Task statement
Once the line containing "#190=IFCINDEXEDPOLYGONALFACE((1,17,18,13,14,19,20,4,3,10,9,2));" is found in the entries below, restate it and each following line word for word, stopping after the line containing "#201=IFCINDEXEDPOLYGONALFACE((19,23,24,20));".

Input records
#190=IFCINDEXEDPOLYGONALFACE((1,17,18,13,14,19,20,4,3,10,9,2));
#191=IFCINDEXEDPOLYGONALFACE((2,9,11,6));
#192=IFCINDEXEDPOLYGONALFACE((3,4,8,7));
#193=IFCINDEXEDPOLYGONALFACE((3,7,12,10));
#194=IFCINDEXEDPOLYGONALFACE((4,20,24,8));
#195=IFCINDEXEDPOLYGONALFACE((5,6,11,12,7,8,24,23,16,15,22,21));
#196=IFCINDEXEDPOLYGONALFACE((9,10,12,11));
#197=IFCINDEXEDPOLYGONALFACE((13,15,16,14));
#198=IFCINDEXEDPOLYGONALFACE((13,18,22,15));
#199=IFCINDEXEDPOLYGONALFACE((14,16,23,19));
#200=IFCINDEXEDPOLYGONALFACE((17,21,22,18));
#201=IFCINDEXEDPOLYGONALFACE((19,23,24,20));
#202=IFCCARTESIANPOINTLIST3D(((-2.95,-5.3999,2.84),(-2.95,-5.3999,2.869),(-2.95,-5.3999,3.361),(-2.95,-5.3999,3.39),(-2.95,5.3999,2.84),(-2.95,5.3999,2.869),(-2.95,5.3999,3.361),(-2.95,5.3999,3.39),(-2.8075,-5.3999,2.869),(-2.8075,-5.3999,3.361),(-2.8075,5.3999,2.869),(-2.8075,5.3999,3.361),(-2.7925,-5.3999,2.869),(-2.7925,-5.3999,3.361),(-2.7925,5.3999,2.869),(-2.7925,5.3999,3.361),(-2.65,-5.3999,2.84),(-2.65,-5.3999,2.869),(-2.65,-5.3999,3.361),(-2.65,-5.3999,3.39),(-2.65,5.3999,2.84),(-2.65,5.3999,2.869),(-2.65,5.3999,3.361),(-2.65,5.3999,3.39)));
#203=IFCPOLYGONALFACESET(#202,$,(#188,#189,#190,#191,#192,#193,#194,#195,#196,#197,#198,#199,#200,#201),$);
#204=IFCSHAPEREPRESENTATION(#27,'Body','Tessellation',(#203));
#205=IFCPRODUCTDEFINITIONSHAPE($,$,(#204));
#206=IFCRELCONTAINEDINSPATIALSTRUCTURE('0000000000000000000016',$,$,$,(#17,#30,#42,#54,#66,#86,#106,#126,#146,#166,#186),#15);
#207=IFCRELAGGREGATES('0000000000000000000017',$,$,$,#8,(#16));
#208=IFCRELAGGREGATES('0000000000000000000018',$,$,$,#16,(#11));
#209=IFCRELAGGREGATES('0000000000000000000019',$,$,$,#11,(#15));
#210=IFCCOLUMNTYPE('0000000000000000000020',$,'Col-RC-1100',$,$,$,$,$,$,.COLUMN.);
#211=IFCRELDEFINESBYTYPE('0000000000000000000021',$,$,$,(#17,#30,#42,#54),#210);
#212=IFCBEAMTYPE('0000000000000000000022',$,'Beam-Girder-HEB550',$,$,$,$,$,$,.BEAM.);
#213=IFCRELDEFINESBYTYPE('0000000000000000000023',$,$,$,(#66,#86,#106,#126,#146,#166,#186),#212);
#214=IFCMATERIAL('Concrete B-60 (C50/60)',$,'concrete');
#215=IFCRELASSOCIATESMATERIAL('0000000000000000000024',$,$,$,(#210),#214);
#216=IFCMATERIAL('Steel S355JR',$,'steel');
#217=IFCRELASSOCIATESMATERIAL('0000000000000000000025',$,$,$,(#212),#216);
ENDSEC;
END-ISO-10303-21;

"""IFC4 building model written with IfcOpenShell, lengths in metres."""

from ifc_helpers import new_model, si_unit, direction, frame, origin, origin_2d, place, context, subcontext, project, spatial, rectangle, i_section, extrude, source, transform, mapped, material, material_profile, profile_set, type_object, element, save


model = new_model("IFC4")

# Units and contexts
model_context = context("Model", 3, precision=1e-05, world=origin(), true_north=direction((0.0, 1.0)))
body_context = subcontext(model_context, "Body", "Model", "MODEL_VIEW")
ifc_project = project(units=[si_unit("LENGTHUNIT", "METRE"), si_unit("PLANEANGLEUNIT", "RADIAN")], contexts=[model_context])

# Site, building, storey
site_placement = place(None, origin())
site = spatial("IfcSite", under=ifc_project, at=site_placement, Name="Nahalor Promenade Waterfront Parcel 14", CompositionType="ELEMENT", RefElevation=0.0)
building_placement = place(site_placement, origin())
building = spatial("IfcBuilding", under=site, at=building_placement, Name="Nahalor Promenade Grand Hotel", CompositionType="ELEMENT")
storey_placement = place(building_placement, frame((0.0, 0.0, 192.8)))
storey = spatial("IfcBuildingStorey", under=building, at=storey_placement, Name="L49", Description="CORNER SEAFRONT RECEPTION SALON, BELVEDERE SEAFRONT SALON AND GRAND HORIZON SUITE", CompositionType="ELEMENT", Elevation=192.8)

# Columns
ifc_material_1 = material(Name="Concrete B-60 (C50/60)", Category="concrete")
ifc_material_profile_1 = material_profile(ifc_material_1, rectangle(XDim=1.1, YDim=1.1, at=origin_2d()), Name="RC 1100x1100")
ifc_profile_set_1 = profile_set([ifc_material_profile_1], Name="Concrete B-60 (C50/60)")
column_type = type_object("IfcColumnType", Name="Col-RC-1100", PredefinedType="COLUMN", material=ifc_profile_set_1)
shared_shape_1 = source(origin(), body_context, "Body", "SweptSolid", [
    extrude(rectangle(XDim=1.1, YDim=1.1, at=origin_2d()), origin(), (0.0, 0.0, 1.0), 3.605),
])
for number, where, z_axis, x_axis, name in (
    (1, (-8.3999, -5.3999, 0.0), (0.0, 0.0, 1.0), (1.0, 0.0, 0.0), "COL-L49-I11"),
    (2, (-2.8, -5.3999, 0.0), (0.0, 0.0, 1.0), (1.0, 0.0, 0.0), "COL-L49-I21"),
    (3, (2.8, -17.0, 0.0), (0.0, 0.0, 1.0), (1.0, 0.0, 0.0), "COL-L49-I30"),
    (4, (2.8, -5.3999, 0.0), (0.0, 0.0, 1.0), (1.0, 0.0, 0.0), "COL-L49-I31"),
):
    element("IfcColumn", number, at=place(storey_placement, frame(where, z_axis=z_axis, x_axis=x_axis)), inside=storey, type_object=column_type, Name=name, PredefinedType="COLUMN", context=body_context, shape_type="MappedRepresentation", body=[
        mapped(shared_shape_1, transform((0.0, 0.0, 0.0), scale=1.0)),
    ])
--
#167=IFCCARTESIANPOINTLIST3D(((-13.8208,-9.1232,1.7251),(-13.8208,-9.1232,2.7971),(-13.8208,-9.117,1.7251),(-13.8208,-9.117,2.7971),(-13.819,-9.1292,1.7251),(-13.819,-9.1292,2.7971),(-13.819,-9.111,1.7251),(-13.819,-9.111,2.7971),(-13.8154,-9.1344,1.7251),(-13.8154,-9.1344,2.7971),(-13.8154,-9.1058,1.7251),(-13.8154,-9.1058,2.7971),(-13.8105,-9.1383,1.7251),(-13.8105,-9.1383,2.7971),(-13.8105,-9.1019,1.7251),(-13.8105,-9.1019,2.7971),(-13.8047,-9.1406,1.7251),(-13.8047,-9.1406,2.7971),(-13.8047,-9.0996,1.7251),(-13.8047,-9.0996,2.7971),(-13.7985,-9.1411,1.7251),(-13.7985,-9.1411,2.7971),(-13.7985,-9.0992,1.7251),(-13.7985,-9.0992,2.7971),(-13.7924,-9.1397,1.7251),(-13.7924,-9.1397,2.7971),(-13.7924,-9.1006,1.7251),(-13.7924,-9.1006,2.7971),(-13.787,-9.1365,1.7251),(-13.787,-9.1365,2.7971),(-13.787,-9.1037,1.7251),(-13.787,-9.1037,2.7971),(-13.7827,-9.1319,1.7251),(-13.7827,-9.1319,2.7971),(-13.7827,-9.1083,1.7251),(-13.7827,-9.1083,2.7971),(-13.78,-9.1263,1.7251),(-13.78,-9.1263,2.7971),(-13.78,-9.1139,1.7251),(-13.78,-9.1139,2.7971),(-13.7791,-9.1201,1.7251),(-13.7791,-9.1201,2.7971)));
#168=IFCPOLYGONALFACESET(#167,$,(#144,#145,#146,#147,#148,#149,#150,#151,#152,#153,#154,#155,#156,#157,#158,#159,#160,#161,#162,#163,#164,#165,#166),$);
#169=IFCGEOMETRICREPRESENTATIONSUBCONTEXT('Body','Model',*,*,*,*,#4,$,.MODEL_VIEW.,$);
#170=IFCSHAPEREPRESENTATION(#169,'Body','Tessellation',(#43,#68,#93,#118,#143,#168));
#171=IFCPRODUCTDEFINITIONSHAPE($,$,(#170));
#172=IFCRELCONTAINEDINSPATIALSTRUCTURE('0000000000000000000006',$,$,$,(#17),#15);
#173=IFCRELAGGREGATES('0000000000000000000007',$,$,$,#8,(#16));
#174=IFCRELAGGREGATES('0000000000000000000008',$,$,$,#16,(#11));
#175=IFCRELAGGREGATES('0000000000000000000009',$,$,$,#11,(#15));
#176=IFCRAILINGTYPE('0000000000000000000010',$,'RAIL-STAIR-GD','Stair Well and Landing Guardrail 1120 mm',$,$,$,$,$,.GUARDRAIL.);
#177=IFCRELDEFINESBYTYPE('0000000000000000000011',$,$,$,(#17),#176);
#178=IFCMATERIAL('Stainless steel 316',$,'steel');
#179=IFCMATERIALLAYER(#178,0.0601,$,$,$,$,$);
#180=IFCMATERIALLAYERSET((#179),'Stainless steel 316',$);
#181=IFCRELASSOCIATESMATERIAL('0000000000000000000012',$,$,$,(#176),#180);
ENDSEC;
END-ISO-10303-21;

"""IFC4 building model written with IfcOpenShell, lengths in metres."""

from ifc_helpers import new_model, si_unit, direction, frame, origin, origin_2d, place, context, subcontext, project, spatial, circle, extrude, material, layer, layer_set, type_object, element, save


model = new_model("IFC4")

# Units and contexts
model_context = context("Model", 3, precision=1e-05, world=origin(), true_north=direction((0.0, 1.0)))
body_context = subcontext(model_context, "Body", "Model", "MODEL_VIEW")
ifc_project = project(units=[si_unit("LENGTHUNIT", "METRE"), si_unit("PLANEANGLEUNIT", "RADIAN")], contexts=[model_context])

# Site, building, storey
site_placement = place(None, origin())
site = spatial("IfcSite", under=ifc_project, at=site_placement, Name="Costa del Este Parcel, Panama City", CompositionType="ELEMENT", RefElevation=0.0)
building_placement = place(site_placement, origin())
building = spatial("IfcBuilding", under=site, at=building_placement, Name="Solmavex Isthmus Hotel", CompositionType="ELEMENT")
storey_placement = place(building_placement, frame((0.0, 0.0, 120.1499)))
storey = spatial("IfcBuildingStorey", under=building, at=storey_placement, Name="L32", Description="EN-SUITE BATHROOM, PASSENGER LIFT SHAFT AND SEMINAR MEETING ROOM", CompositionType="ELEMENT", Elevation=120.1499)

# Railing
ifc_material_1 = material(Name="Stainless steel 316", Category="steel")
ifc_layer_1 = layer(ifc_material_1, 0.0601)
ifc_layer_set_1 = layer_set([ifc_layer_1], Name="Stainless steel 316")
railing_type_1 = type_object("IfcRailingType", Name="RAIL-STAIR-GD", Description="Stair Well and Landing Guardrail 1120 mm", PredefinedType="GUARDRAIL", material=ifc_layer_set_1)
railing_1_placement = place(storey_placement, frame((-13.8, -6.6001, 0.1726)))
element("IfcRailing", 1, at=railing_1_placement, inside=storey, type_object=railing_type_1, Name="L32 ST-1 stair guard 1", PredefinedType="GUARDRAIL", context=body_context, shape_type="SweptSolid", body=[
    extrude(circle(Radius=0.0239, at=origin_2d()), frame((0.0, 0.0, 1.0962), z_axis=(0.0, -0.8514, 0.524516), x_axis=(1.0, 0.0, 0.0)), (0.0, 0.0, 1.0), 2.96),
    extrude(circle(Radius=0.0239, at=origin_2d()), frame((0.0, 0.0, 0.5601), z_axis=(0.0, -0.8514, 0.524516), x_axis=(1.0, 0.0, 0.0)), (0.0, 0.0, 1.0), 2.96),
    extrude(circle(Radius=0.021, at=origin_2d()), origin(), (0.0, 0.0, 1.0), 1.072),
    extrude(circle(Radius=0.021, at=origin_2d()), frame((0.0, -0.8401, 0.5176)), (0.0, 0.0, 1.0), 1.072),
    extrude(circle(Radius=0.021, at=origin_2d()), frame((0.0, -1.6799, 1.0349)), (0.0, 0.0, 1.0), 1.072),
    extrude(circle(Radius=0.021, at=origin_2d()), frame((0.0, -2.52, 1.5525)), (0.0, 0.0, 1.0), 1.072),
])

Exercise answer
#190=IFCINDEXEDPOLYGONALFACE((1,17,18,13,14,19,20,4,3,10,9,2));
#191=IFCINDEXEDPOLYGONALFACE((2,9,11,6));
#192=IFCINDEXEDPOLYGONALFACE((3,4,8,7));
#193=IFCINDEXEDPOLYGONALFACE((3,7,12,10));
#194=IFCINDEXEDPOLYGONALFACE((4,20,24,8));
#195=IFCINDEXEDPOLYGONALFACE((5,6,11,12,7,8,24,23,16,15,22,21));
#196=IFCINDEXEDPOLYGONALFACE((9,10,12,11));
#197=IFCINDEXEDPOLYGONALFACE((13,15,16,14));
#198=IFCINDEXEDPOLYGONALFACE((13,18,22,15));
#199=IFCINDEXEDPOLYGONALFACE((14,16,23,19));
#200=IFCINDEXEDPOLYGONALFACE((17,21,22,18));
#201=IFCINDEXEDPOLYGONALFACE((19,23,24,20));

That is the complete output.